# [Task item]
Read the lines below and count those that have the word "GLAZING". Respond with the number only.

# [Study material]
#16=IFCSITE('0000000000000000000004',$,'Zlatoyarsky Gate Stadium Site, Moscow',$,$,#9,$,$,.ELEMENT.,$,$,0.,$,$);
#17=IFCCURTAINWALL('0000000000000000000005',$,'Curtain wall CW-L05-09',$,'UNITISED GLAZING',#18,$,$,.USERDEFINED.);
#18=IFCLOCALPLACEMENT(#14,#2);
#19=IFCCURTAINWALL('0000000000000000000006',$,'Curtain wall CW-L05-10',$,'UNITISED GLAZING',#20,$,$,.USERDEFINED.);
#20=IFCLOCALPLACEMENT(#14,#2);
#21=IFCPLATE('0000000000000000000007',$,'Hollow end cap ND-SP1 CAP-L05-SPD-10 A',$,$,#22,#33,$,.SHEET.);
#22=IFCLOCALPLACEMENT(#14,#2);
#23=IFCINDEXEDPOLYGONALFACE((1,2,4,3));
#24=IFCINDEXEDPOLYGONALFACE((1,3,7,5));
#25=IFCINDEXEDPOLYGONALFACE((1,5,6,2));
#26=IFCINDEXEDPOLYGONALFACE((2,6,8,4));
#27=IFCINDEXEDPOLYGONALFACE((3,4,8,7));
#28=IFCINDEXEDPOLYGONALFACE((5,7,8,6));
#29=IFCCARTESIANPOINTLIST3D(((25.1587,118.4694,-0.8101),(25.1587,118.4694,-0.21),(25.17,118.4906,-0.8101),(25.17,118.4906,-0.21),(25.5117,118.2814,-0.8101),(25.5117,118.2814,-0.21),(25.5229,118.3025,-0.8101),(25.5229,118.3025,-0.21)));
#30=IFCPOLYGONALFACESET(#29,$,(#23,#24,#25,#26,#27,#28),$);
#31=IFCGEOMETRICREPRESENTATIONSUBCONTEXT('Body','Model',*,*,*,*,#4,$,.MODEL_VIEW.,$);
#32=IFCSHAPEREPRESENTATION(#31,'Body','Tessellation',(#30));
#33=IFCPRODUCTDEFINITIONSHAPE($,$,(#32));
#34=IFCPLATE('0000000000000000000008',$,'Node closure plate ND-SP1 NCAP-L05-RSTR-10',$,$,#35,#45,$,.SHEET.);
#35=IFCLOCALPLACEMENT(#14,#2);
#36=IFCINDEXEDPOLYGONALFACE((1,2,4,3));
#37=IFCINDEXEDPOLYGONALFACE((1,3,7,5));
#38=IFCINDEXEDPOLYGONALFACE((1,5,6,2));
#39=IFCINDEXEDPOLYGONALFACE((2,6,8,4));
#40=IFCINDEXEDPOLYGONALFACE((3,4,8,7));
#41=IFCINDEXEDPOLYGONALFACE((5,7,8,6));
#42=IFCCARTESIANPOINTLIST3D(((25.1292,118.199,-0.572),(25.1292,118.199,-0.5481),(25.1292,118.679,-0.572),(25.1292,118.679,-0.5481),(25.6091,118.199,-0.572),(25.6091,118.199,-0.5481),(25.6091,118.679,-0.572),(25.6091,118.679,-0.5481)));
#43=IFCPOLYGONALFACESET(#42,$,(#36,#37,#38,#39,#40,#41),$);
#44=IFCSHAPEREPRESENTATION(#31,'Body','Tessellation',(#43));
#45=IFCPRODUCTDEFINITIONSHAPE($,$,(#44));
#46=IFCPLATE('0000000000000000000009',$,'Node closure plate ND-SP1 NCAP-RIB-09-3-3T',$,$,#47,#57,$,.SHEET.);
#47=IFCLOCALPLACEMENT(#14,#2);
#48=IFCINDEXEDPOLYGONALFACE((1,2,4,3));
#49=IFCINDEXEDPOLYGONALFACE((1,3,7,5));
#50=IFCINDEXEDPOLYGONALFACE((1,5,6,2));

# [Expected output]
2